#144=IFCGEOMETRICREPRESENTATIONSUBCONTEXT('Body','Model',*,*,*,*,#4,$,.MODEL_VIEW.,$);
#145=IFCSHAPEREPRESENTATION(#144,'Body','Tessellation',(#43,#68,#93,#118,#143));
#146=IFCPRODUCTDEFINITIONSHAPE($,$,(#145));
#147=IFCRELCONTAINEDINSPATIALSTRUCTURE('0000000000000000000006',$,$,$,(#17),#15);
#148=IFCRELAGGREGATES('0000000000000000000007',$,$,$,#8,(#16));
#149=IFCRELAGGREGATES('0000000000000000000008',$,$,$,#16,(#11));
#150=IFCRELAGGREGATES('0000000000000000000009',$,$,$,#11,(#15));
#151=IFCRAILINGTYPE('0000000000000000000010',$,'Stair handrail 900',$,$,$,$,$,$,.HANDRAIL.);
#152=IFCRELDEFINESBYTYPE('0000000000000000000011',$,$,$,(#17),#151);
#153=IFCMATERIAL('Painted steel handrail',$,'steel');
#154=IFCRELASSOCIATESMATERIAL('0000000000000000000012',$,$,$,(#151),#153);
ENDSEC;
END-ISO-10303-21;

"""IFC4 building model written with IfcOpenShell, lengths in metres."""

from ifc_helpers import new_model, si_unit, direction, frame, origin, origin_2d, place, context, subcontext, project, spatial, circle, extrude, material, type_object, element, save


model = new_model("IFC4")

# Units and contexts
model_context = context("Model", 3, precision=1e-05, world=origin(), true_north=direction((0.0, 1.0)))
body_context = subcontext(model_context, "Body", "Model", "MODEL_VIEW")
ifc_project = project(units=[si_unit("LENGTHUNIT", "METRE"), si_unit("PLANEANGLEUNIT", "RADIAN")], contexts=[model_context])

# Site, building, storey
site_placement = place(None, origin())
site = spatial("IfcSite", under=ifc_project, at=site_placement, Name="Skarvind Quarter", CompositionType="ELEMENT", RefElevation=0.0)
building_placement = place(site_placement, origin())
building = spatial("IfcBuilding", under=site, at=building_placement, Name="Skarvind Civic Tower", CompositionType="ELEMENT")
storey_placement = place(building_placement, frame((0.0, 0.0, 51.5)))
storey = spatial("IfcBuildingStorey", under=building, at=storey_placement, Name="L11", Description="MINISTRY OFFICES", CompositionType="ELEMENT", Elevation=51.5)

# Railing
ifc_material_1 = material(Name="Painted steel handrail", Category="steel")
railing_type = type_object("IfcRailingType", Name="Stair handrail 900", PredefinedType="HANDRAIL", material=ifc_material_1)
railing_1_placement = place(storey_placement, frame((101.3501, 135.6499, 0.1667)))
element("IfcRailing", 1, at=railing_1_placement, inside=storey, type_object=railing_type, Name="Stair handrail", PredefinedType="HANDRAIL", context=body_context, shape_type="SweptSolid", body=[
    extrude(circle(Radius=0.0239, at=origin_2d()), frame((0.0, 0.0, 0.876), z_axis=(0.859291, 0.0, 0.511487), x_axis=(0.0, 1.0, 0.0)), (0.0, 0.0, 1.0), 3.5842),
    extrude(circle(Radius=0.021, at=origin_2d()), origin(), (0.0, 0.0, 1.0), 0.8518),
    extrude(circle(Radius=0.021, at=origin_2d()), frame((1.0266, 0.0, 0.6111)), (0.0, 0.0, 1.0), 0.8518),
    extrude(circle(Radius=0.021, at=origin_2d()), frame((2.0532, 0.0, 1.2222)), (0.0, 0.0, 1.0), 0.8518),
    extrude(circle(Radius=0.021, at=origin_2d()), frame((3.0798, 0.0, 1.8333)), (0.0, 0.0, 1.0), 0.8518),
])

---

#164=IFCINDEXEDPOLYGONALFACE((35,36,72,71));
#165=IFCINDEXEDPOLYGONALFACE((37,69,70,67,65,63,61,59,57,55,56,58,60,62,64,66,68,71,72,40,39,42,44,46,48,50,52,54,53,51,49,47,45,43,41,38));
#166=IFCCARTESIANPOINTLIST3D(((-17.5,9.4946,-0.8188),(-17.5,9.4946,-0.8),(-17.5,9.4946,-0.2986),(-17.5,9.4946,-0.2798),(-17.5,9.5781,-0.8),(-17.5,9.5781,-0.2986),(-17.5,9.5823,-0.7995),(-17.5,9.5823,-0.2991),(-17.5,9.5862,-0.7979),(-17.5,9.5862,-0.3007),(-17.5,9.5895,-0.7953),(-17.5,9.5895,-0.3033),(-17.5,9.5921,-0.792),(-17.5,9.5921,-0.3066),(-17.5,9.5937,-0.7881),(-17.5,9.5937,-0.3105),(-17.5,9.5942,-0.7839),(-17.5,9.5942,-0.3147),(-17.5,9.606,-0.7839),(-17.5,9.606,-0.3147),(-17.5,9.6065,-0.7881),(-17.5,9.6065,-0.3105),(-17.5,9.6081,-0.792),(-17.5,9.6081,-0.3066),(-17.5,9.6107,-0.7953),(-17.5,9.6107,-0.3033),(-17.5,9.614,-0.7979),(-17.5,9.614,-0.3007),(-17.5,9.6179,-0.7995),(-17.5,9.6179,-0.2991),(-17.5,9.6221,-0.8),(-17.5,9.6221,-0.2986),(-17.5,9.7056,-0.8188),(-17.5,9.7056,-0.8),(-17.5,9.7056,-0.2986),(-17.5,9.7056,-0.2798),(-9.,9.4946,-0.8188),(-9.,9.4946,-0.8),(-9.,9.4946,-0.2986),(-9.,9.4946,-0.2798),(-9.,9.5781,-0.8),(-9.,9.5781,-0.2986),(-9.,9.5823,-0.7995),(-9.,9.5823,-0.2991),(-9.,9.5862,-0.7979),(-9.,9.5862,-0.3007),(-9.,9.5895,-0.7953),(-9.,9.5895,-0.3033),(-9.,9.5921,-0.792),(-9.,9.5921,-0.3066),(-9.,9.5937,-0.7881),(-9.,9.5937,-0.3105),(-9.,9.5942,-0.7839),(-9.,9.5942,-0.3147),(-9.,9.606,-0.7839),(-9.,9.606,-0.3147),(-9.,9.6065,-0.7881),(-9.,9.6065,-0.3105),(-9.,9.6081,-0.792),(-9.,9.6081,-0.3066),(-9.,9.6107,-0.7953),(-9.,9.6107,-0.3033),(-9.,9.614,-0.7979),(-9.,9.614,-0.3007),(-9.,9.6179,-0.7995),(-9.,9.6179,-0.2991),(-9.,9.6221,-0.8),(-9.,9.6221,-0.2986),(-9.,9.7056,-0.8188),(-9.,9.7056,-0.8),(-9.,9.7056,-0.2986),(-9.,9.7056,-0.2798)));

* * *

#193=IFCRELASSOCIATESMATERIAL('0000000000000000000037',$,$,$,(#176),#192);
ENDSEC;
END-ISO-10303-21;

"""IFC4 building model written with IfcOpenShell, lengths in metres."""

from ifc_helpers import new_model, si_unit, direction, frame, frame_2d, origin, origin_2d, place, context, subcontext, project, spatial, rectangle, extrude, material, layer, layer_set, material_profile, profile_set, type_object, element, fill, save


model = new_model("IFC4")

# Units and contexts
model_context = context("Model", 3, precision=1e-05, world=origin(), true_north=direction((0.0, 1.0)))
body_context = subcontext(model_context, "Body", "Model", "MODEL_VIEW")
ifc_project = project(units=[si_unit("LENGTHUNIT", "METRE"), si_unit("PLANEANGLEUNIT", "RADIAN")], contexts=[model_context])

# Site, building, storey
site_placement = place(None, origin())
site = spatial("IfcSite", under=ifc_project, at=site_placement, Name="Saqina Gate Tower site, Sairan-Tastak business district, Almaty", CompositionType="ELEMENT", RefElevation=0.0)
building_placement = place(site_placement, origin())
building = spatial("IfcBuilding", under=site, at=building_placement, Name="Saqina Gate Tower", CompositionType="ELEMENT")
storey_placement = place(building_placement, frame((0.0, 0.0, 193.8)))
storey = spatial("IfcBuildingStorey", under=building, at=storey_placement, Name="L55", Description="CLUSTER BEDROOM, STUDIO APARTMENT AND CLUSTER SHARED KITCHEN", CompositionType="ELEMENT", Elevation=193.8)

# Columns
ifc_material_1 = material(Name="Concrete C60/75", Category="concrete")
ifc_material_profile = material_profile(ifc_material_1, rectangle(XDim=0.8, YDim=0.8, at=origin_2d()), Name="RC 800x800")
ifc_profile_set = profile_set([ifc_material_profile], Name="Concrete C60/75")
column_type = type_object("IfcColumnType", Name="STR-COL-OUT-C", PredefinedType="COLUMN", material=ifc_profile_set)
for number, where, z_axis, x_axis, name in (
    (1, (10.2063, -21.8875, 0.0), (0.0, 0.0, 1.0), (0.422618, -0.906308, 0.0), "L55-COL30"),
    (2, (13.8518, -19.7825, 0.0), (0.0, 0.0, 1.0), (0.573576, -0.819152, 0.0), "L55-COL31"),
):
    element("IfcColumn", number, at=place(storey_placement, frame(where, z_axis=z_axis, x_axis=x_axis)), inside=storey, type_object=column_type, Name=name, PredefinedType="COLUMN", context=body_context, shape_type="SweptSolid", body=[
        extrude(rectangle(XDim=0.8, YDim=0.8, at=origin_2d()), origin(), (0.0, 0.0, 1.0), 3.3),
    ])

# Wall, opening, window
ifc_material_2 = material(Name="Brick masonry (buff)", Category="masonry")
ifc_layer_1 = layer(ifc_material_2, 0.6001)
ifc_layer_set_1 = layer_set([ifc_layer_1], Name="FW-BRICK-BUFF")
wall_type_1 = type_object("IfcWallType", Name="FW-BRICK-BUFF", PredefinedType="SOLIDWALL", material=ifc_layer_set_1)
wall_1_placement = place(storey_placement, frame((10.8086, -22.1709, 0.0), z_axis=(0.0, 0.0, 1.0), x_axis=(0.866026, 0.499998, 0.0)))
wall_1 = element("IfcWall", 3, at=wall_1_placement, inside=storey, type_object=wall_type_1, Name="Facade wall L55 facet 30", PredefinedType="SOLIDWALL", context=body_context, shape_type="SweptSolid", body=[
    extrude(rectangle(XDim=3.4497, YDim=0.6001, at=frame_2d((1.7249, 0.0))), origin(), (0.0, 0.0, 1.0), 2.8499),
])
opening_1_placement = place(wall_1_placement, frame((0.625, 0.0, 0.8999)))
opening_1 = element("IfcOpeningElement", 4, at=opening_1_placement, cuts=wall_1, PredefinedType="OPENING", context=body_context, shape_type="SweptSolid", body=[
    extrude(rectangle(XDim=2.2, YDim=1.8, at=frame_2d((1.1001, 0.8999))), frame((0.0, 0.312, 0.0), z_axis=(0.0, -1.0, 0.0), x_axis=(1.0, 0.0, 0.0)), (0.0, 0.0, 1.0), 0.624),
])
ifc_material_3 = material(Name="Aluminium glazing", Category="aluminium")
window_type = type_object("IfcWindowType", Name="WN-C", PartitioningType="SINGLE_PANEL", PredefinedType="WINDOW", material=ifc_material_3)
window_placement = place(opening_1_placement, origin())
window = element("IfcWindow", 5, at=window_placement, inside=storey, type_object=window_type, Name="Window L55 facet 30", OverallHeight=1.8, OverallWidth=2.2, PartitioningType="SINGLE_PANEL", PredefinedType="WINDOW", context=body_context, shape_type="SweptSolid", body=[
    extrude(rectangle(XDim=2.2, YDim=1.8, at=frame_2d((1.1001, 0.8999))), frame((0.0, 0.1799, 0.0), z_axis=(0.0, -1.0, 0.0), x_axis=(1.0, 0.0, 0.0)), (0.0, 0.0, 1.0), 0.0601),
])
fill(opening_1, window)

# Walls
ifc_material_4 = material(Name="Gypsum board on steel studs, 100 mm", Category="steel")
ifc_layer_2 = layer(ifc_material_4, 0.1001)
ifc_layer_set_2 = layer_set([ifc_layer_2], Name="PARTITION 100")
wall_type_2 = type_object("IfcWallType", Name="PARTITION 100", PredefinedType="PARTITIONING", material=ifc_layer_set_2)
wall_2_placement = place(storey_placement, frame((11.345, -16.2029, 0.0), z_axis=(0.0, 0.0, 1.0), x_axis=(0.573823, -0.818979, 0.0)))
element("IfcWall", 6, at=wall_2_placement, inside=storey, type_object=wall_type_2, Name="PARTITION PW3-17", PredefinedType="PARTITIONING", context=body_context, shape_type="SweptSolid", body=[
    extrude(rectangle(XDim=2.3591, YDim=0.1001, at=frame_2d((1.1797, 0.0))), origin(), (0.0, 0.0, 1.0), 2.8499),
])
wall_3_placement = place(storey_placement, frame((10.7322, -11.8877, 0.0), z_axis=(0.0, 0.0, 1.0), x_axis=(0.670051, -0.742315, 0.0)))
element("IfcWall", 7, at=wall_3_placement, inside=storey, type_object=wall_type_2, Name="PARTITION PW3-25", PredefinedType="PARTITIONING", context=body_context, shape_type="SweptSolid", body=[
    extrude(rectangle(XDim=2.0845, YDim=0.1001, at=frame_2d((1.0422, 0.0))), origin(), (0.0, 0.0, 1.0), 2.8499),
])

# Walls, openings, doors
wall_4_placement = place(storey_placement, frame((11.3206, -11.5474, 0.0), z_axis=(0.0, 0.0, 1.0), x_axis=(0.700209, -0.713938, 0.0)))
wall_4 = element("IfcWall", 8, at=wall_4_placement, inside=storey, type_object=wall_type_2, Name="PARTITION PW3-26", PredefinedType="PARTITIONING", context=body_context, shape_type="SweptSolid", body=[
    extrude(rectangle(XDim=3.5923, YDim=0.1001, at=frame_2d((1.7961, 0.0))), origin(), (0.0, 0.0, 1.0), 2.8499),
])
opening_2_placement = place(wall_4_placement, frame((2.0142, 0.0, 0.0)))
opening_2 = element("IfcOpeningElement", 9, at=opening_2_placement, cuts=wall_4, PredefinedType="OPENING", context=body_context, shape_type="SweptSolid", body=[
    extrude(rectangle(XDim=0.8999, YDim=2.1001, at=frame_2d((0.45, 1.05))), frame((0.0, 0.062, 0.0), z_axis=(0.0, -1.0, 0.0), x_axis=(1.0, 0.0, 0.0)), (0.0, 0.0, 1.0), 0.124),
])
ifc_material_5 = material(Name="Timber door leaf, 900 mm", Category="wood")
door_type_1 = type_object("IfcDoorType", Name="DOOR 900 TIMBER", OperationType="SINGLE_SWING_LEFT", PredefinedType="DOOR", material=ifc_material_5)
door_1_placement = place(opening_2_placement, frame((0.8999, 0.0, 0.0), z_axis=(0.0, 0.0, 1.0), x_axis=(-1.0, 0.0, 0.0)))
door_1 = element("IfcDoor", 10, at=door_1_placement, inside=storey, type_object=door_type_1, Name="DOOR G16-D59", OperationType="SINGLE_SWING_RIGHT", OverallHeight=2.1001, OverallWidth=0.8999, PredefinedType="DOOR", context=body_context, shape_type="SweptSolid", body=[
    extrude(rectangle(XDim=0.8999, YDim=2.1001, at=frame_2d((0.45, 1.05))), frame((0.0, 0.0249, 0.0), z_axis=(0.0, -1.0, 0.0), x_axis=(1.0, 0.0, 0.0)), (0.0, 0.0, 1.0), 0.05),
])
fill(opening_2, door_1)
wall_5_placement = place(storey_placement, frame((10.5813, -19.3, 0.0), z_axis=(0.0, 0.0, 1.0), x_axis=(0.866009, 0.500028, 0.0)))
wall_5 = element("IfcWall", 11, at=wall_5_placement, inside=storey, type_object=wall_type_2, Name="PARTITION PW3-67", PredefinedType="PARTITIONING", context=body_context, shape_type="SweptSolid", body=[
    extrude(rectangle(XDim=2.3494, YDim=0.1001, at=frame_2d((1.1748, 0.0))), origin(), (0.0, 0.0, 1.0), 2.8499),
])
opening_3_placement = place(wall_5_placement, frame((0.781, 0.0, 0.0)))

[Work item]:
Every line that contains the string "IfcBuildingStorey" should be copied from the records.

[Output below]:
storey = spatial("IfcBuildingStorey", under=building, at=storey_placement, Name="L11", Description="MINISTRY OFFICES", CompositionType="ELEMENT", Elevation=51.5)
storey = spatial("IfcBuildingStorey", under=building, at=storey_placement, Name="L55", Description="CLUSTER BEDROOM, STUDIO APARTMENT AND CLUSTER SHARED KITCHEN", CompositionType="ELEMENT", Elevation=193.8)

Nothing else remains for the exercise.